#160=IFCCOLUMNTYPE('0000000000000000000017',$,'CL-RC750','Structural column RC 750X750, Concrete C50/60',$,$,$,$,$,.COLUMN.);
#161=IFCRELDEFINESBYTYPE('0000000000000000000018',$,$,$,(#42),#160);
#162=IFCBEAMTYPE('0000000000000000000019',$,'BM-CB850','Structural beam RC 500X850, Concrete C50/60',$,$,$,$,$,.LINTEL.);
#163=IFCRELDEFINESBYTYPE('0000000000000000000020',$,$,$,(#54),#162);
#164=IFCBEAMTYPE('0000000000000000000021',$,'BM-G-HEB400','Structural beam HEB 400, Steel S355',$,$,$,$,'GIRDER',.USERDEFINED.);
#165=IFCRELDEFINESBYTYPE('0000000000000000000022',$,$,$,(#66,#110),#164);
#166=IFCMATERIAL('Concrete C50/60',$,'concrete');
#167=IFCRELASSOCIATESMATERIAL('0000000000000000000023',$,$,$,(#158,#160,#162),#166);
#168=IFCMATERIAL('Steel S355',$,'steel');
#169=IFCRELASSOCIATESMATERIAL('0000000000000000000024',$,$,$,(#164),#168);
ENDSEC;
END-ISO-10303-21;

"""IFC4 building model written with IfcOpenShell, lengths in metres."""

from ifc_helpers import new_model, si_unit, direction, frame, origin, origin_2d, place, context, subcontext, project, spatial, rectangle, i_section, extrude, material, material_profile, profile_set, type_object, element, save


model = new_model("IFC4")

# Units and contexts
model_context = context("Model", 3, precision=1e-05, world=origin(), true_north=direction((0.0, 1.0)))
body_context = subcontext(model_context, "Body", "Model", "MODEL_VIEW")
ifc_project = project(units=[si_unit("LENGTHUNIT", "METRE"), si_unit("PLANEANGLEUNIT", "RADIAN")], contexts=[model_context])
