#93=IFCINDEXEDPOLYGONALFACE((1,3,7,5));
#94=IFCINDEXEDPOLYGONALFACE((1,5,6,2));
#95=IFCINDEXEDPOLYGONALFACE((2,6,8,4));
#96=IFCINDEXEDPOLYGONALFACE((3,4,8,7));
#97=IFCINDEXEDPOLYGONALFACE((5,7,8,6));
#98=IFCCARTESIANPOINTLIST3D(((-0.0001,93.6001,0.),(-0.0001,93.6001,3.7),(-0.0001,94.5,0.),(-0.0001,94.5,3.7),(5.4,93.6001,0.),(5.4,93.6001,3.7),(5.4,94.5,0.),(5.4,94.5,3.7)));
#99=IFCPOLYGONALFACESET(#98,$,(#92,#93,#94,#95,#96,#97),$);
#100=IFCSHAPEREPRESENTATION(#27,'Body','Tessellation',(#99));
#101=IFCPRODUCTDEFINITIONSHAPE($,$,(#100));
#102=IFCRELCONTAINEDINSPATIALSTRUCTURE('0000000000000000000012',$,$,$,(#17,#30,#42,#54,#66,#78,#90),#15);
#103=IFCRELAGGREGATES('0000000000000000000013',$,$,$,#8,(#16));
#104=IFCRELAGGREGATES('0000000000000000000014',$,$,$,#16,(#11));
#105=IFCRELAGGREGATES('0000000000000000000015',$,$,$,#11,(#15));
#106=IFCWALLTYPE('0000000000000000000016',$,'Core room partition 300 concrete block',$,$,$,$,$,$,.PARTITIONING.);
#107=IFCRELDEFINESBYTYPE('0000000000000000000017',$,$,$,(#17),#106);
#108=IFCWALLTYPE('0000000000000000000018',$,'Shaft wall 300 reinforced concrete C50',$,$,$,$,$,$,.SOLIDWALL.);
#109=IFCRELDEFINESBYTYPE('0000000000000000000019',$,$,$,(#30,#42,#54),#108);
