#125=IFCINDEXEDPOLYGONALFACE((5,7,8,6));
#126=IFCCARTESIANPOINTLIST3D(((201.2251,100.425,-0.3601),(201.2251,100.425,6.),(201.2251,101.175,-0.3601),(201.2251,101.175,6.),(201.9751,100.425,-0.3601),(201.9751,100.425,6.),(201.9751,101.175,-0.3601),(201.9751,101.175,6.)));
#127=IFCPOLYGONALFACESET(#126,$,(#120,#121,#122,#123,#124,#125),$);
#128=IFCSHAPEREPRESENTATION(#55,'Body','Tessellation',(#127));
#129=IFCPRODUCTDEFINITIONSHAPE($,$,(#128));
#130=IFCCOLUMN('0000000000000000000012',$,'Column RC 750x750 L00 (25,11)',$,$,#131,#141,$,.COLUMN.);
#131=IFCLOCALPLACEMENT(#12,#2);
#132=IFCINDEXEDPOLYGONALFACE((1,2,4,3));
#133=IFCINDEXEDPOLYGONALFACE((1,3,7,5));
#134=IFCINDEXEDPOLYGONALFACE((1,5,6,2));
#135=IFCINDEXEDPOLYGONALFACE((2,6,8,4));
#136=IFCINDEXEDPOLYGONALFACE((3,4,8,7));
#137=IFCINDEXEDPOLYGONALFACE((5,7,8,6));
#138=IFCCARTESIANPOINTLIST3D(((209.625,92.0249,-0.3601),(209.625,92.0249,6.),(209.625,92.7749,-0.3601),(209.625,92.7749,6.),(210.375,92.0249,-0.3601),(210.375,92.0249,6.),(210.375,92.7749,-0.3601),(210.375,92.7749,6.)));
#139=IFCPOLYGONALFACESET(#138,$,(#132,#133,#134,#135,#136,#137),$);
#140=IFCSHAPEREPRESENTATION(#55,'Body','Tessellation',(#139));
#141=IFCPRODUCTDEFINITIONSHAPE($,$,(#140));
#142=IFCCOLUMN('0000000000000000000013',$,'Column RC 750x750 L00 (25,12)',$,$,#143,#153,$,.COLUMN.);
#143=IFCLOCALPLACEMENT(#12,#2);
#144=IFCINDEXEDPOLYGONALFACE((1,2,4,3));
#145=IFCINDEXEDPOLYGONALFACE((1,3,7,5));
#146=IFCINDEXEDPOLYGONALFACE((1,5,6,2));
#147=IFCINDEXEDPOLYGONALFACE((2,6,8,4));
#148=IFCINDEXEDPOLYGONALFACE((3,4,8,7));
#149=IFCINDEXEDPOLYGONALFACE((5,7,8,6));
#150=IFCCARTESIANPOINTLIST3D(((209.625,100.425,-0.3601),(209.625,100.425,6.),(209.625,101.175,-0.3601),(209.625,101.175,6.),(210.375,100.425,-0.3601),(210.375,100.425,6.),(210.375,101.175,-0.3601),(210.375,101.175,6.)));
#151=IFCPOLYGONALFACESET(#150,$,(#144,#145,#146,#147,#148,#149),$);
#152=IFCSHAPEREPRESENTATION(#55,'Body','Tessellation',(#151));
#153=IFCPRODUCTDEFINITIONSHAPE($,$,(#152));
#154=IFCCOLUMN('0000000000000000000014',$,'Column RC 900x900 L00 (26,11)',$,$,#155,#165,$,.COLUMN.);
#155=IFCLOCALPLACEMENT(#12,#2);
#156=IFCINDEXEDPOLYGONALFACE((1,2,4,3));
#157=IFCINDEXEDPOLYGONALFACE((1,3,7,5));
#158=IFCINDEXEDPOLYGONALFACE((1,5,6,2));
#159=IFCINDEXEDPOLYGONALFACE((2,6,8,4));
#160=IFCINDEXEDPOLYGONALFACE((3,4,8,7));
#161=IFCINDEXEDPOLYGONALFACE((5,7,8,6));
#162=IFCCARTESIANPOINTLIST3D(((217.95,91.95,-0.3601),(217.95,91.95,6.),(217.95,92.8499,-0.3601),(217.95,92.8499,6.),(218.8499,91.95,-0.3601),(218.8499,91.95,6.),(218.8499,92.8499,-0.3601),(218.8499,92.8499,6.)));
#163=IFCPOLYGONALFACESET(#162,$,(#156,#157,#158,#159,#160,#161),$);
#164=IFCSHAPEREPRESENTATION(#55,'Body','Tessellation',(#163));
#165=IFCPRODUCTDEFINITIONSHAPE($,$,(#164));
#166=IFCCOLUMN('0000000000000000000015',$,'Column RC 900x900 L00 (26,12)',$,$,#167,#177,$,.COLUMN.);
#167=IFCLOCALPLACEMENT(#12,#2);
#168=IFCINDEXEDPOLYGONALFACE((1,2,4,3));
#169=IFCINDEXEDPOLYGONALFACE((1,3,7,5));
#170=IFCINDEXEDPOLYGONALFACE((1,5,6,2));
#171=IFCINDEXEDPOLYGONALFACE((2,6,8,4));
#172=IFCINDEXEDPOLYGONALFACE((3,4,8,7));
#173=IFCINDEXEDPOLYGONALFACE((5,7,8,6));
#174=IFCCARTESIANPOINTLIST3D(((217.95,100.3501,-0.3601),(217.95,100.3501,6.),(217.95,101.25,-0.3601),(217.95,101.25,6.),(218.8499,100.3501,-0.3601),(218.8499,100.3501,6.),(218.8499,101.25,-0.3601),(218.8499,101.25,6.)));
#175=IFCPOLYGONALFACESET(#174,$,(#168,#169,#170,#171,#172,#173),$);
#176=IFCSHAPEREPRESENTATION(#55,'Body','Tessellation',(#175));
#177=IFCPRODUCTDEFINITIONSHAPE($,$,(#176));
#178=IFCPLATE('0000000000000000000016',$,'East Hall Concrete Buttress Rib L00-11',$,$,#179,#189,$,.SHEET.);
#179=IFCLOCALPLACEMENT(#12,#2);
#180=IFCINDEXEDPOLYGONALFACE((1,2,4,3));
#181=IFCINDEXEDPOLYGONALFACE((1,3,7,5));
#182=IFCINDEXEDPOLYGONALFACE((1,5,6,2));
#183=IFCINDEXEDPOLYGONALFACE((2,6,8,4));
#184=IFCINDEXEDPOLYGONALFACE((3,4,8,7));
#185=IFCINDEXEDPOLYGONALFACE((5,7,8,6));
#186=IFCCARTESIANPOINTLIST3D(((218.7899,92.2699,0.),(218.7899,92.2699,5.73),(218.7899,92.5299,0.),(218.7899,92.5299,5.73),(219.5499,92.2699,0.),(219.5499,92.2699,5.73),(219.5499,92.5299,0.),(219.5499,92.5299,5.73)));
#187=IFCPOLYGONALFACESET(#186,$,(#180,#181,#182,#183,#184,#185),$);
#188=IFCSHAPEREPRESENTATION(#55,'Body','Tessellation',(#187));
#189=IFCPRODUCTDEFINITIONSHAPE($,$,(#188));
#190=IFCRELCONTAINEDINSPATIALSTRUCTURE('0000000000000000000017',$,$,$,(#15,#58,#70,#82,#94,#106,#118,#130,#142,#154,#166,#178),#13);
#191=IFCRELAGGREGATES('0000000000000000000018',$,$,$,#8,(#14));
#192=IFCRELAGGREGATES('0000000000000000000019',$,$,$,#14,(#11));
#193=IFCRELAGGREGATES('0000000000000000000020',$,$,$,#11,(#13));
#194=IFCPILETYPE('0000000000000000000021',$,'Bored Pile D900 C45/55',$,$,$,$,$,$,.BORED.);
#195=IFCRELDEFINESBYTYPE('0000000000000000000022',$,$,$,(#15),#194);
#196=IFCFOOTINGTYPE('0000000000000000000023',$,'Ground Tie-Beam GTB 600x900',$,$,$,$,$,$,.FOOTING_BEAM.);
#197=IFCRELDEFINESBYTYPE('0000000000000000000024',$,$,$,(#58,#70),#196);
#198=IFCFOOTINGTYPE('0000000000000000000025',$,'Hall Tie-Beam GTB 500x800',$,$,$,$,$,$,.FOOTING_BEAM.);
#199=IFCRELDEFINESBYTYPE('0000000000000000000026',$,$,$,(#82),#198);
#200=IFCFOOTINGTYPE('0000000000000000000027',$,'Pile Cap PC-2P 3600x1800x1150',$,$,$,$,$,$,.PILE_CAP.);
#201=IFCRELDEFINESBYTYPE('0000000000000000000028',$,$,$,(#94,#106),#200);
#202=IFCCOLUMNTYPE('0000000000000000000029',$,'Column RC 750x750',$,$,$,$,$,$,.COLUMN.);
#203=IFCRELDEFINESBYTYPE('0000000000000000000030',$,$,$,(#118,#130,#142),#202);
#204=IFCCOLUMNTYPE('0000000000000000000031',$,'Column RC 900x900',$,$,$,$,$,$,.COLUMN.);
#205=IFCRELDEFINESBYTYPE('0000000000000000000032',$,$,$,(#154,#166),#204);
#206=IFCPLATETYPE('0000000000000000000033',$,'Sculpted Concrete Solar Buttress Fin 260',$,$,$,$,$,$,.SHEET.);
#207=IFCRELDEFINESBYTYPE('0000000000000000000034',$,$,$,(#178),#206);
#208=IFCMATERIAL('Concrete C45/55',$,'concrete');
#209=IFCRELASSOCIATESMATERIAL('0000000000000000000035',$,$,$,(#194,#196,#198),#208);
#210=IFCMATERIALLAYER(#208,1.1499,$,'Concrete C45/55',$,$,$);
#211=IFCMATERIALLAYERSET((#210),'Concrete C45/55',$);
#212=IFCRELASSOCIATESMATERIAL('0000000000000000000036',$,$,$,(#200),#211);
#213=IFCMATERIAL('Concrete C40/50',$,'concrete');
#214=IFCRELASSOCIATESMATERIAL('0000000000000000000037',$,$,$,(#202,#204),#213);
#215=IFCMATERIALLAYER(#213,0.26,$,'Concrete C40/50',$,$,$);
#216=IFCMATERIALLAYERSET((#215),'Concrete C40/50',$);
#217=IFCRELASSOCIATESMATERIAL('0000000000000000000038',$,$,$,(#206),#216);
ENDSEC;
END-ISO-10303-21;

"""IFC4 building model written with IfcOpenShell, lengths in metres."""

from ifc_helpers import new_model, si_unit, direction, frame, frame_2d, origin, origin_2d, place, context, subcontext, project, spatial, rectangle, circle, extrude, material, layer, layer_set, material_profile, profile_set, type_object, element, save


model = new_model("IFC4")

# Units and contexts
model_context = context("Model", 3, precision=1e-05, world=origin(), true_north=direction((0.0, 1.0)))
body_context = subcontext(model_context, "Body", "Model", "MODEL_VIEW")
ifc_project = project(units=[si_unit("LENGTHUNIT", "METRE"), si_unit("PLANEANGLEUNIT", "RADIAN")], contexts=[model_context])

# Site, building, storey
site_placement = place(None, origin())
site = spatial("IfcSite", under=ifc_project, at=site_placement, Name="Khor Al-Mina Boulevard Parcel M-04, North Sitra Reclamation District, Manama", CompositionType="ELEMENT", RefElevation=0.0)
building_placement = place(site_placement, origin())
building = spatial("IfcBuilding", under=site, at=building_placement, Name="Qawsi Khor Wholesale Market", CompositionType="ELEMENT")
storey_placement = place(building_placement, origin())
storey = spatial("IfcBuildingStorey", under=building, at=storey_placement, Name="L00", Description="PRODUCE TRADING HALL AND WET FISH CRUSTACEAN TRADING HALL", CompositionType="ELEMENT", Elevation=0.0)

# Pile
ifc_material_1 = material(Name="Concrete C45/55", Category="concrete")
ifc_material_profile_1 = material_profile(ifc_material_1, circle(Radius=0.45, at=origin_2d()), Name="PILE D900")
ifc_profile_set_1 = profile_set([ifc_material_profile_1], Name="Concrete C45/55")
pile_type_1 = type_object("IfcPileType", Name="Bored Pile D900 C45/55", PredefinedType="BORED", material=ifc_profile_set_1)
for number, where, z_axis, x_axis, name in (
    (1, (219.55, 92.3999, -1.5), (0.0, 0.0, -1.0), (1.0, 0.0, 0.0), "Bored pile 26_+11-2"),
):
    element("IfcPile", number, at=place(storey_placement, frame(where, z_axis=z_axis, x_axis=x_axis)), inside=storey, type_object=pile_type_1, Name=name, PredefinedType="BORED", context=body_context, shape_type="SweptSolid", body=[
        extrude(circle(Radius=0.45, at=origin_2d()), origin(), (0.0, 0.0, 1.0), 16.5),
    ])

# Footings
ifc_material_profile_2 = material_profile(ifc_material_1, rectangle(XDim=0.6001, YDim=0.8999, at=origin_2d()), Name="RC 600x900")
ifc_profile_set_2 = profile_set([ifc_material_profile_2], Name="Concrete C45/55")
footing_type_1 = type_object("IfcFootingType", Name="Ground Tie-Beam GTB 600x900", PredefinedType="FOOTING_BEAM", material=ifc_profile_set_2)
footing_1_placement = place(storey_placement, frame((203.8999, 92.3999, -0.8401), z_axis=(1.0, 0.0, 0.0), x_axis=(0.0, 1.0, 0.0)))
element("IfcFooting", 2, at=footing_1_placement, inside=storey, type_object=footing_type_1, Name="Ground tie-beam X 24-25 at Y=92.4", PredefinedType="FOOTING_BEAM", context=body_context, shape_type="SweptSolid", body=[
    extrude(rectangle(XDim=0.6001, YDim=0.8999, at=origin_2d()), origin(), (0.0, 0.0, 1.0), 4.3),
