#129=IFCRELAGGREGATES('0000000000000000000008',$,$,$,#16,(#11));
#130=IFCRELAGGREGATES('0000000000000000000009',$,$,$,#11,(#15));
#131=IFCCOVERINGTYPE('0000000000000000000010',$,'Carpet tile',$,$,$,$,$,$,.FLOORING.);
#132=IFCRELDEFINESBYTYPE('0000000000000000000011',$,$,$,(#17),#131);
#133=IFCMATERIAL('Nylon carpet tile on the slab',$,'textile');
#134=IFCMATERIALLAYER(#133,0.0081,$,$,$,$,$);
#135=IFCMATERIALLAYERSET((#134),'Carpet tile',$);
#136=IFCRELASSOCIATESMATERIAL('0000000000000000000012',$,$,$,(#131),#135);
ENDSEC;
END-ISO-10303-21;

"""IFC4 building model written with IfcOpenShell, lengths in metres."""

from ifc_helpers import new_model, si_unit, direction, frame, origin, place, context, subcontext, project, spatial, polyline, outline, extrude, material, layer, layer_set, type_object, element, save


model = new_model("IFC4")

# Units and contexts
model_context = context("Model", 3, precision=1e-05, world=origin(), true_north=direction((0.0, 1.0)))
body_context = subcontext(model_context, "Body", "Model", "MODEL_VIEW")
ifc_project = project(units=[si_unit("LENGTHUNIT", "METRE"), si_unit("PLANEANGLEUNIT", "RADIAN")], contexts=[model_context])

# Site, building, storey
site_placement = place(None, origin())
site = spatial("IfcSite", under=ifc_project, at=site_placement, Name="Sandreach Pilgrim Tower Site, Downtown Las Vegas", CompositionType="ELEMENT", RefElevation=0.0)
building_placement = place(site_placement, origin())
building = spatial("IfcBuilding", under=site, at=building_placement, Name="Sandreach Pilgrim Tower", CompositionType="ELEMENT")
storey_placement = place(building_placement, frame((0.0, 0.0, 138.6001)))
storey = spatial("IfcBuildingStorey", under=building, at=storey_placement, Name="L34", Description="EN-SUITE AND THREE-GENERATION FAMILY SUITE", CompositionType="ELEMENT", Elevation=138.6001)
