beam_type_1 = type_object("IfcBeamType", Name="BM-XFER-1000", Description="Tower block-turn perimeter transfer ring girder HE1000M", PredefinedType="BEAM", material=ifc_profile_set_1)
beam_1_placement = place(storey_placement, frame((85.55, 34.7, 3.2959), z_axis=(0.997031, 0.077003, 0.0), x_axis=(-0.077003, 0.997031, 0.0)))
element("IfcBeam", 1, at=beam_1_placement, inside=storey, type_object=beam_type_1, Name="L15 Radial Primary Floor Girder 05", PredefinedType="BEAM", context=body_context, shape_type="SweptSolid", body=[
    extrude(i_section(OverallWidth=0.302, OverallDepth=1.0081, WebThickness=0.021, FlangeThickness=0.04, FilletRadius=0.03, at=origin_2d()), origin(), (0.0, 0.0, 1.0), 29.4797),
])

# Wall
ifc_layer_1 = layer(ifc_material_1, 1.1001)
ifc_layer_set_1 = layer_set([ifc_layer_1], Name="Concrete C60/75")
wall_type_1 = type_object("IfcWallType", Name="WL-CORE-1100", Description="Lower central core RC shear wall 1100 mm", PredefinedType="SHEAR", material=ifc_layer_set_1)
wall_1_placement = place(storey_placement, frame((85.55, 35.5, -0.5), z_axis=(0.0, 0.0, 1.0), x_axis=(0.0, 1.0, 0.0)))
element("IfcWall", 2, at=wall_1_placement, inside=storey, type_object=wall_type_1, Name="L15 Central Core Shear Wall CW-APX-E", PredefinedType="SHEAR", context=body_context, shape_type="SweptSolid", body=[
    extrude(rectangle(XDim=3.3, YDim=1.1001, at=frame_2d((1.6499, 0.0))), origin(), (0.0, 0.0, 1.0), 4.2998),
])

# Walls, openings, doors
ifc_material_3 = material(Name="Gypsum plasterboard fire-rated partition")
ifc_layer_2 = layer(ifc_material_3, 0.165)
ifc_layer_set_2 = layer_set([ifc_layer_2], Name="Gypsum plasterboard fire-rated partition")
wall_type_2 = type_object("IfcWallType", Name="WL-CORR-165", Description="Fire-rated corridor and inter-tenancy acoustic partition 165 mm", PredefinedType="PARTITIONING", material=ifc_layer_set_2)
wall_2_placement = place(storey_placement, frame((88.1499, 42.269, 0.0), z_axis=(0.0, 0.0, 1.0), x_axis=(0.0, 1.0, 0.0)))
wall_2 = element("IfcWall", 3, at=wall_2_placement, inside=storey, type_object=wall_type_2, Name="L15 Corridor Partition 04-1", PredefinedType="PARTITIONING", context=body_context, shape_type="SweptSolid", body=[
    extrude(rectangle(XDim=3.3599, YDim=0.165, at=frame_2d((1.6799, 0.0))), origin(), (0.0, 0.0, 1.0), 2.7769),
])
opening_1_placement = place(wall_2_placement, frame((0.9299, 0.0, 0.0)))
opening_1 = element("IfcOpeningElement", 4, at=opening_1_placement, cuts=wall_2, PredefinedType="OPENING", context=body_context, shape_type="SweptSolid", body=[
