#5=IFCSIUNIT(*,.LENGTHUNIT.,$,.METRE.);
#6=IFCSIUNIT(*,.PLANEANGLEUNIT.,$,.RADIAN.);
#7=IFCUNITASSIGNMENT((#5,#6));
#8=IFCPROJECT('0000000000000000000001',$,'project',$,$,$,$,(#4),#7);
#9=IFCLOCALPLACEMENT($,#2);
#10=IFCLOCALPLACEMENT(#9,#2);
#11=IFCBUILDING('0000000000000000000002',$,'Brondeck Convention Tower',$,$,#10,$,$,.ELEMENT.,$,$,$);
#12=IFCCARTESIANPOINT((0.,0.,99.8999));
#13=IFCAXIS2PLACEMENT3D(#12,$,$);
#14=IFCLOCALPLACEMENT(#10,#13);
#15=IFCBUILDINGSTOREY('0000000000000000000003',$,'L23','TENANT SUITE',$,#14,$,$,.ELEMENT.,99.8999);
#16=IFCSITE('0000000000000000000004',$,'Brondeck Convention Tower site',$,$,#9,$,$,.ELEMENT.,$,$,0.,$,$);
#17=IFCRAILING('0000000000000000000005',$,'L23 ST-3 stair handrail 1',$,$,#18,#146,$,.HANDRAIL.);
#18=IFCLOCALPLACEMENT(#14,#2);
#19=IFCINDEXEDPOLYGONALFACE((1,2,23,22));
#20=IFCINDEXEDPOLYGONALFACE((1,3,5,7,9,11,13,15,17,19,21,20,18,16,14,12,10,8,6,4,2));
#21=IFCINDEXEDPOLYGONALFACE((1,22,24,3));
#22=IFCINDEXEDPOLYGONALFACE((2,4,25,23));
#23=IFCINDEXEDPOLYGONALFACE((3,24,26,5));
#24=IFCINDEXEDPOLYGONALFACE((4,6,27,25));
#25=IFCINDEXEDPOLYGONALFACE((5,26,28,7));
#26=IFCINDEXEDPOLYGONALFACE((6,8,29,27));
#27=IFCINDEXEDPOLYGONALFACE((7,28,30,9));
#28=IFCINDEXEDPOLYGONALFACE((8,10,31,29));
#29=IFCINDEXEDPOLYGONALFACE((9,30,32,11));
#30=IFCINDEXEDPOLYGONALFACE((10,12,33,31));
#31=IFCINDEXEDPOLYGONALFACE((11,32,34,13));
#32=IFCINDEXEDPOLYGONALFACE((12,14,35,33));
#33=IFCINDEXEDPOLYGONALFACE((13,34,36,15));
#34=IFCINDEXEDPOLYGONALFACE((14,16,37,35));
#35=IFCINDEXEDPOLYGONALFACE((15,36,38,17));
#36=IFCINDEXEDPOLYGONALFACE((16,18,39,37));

◆ Directions:
Reproduce, word for word and in full, only the lines above that start at the line with "#134=IFCINDEXEDPOLYGONALFACE((1,5,6,2));" and run through the line with "#137=IFCINDEXEDPOLYGONALFACE((5,7,8,6));", both ends included.

◆ Finished exercise:
#134=IFCINDEXEDPOLYGONALFACE((1,5,6,2));
#135=IFCINDEXEDPOLYGONALFACE((2,6,8,4));
#136=IFCINDEXEDPOLYGONALFACE((3,4,8,7));
#137=IFCINDEXEDPOLYGONALFACE((5,7,8,6));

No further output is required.